= EXERCISE PROMPT =
Read the data below line by line and copy each one with "Name" in it.

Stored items

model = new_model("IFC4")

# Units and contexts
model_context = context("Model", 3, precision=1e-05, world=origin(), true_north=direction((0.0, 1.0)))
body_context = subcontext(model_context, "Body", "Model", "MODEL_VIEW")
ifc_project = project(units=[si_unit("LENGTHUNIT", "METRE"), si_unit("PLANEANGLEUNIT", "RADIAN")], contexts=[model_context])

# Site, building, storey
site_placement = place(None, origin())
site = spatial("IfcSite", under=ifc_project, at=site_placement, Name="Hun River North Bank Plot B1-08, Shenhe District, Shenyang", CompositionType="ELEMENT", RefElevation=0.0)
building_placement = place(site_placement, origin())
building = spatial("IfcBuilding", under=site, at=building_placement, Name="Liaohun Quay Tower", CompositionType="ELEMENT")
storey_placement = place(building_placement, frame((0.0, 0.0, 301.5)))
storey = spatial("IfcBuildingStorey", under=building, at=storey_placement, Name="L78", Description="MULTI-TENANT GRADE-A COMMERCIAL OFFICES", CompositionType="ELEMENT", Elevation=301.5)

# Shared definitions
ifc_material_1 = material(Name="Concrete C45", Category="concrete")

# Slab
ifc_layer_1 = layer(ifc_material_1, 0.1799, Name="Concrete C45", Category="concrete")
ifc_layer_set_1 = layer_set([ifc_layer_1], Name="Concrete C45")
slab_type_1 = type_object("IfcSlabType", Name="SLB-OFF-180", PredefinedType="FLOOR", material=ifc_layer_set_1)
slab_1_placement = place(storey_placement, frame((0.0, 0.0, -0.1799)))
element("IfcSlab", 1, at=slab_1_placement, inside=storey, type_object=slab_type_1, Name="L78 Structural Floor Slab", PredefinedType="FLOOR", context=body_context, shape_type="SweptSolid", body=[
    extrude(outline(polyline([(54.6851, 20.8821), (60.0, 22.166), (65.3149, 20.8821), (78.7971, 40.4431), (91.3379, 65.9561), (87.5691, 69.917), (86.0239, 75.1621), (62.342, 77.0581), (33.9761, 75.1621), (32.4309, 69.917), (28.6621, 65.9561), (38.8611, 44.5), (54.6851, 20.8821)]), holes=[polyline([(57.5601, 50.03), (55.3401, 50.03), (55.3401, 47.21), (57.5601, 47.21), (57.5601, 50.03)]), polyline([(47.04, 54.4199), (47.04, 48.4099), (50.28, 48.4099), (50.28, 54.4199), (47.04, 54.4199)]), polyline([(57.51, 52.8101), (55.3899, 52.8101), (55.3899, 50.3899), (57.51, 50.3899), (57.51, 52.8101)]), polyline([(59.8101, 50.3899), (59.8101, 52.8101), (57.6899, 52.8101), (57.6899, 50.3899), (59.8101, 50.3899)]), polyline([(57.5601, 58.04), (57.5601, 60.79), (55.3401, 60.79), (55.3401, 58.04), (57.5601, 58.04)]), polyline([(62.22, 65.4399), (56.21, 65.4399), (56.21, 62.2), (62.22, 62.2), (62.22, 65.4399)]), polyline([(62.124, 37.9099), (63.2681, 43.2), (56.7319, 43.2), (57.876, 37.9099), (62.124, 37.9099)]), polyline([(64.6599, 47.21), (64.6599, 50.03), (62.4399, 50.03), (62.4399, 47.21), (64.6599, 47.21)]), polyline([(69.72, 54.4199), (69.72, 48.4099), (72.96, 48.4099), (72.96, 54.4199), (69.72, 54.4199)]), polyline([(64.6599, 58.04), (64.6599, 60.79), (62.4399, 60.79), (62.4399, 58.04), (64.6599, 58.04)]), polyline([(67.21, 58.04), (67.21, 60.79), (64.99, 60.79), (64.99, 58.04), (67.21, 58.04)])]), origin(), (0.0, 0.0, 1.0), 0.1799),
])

--

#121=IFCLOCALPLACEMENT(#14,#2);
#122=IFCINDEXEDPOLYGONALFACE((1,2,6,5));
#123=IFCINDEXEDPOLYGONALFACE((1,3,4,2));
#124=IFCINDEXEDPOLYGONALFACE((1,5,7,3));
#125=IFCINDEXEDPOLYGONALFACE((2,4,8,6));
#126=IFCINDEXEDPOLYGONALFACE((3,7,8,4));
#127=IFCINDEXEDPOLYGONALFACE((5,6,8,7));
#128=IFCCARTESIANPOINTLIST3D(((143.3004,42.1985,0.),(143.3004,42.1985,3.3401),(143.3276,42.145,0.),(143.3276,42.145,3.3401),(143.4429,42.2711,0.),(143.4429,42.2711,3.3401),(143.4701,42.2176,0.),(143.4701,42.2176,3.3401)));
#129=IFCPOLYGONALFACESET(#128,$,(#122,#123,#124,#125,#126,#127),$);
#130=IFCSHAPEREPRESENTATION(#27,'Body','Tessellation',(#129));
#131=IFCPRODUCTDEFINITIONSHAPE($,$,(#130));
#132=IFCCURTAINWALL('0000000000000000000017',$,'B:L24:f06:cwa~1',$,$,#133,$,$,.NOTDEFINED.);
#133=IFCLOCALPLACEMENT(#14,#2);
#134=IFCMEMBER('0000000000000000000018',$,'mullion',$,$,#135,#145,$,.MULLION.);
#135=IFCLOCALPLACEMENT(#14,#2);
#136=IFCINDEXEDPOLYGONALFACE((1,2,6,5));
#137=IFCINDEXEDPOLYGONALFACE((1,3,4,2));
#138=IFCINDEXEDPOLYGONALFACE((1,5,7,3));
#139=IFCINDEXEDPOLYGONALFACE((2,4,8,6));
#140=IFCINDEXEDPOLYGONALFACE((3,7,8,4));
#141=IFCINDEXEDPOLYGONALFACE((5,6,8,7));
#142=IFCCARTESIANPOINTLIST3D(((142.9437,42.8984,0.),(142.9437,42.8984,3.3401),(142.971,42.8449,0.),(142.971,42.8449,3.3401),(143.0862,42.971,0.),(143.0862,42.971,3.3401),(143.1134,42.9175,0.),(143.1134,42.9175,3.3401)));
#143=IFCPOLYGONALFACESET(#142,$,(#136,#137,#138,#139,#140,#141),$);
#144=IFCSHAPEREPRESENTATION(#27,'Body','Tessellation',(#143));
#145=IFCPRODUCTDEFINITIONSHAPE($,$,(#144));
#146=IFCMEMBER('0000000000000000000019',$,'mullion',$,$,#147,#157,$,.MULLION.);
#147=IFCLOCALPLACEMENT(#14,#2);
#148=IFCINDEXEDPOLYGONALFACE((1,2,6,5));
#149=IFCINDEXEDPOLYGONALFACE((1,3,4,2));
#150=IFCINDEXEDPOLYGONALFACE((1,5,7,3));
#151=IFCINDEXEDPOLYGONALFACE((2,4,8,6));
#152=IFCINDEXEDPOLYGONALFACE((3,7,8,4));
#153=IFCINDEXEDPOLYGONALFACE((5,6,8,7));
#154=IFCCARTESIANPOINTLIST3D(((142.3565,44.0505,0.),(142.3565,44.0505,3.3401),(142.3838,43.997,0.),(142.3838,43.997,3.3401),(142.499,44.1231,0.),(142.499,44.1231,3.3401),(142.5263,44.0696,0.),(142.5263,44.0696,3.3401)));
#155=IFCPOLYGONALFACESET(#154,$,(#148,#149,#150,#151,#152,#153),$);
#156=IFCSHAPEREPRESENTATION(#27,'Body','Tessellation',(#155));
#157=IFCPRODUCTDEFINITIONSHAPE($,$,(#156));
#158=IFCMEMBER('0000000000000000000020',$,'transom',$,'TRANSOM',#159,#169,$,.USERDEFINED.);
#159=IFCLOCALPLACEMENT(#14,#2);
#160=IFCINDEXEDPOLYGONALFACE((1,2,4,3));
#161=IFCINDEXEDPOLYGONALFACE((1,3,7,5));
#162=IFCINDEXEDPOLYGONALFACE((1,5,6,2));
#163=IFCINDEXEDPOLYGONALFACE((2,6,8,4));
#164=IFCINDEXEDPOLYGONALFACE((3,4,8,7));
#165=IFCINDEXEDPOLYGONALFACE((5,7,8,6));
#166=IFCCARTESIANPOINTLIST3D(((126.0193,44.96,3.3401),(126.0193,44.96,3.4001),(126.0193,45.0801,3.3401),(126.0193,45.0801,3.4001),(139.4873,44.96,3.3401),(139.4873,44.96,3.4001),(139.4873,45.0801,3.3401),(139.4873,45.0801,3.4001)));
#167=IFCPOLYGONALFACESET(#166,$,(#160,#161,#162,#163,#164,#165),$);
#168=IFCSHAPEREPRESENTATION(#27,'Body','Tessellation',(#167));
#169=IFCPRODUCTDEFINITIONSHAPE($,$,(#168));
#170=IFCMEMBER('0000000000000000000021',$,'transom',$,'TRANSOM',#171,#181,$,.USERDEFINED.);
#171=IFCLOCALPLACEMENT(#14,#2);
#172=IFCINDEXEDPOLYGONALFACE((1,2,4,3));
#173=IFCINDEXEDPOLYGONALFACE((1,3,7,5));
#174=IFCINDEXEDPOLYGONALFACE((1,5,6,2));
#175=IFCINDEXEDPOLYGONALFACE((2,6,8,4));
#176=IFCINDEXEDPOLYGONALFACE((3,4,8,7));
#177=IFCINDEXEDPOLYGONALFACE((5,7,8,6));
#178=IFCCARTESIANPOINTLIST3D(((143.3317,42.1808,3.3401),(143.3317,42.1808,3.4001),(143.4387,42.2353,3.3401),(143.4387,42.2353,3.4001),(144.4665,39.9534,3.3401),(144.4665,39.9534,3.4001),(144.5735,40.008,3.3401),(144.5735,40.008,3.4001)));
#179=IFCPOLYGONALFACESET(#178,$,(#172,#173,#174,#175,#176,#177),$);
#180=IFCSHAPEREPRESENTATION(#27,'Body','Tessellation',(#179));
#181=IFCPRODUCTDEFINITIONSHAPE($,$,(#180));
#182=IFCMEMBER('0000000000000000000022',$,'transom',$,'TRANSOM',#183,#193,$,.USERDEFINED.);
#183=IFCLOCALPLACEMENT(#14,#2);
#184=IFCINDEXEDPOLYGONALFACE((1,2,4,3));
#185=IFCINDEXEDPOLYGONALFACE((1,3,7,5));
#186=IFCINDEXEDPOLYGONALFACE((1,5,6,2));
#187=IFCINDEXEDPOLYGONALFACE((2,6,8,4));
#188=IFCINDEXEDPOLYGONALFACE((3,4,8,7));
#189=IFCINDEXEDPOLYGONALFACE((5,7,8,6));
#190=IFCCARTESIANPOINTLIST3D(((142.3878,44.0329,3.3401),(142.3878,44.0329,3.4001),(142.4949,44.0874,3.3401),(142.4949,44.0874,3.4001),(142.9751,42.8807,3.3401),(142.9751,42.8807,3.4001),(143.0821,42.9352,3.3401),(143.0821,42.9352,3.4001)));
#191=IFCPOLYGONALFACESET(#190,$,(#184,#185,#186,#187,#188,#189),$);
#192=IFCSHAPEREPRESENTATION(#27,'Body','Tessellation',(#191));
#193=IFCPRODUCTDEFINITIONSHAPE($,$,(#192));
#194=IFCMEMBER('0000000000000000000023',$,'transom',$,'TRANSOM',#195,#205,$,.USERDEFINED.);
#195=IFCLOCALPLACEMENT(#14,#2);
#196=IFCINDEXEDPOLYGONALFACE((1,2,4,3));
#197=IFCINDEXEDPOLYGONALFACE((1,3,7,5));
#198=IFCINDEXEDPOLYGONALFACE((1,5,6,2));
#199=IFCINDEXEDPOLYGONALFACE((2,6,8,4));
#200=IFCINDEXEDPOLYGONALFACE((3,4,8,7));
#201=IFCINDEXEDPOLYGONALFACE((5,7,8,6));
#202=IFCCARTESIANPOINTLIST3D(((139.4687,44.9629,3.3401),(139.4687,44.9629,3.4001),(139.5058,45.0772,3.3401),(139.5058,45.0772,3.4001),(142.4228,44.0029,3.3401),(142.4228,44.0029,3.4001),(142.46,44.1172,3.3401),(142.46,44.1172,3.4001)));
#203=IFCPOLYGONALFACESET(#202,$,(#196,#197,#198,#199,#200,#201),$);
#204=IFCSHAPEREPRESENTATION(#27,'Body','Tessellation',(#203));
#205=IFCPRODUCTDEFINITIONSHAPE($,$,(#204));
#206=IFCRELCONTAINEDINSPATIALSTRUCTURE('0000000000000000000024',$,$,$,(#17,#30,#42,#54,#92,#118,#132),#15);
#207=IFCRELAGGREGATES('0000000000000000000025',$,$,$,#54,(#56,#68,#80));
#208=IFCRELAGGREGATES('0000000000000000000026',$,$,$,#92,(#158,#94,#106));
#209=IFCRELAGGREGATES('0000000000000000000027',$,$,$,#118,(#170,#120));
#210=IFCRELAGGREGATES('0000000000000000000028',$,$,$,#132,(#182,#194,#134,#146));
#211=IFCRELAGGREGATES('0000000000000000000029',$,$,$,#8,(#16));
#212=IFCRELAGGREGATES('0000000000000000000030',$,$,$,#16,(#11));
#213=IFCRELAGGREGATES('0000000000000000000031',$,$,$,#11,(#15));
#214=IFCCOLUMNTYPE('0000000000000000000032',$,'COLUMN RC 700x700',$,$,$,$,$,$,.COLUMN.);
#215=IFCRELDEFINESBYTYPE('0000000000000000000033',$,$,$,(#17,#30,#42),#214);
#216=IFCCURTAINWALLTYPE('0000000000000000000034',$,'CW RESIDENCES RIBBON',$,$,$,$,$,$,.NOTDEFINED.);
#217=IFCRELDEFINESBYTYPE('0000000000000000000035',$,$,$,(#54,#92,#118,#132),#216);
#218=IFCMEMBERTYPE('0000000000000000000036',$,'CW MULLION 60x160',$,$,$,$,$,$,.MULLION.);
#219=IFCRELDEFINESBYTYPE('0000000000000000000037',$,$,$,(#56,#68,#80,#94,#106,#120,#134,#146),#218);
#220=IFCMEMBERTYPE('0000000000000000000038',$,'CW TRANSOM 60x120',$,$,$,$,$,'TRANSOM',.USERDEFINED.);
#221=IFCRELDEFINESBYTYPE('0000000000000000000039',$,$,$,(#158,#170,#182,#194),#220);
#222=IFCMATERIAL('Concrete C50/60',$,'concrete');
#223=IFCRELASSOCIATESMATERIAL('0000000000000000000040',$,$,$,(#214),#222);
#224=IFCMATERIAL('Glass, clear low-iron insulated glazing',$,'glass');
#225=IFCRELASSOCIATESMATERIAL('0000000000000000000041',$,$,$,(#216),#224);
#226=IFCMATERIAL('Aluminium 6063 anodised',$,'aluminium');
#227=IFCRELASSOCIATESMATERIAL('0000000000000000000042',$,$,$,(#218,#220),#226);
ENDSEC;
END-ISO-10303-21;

= YOUR RESPONSE =
site = spatial("IfcSite", under=ifc_project, at=site_placement, Name="Hun River North Bank Plot B1-08, Shenhe District, Shenyang", CompositionType="ELEMENT", RefElevation=0.0)
building = spatial("IfcBuilding", under=site, at=building_placement, Name="Liaohun Quay Tower", CompositionType="ELEMENT")
storey = spatial("IfcBuildingStorey", under=building, at=storey_placement, Name="L78", Description="MULTI-TENANT GRADE-A COMMERCIAL OFFICES", CompositionType="ELEMENT", Elevation=301.5)
ifc_material_1 = material(Name="Concrete C45", Category="concrete")
ifc_layer_1 = layer(ifc_material_1, 0.1799, Name="Concrete C45", Category="concrete")
ifc_layer_set_1 = layer_set([ifc_layer_1], Name="Concrete C45")
slab_type_1 = type_object("IfcSlabType", Name="SLB-OFF-180", PredefinedType="FLOOR", material=ifc_layer_set_1)
element("IfcSlab", 1, at=slab_1_placement, inside=storey, type_object=slab_type_1, Name="L78 Structural Floor Slab", PredefinedType="FLOOR", context=body_context, shape_type="SweptSolid", body=[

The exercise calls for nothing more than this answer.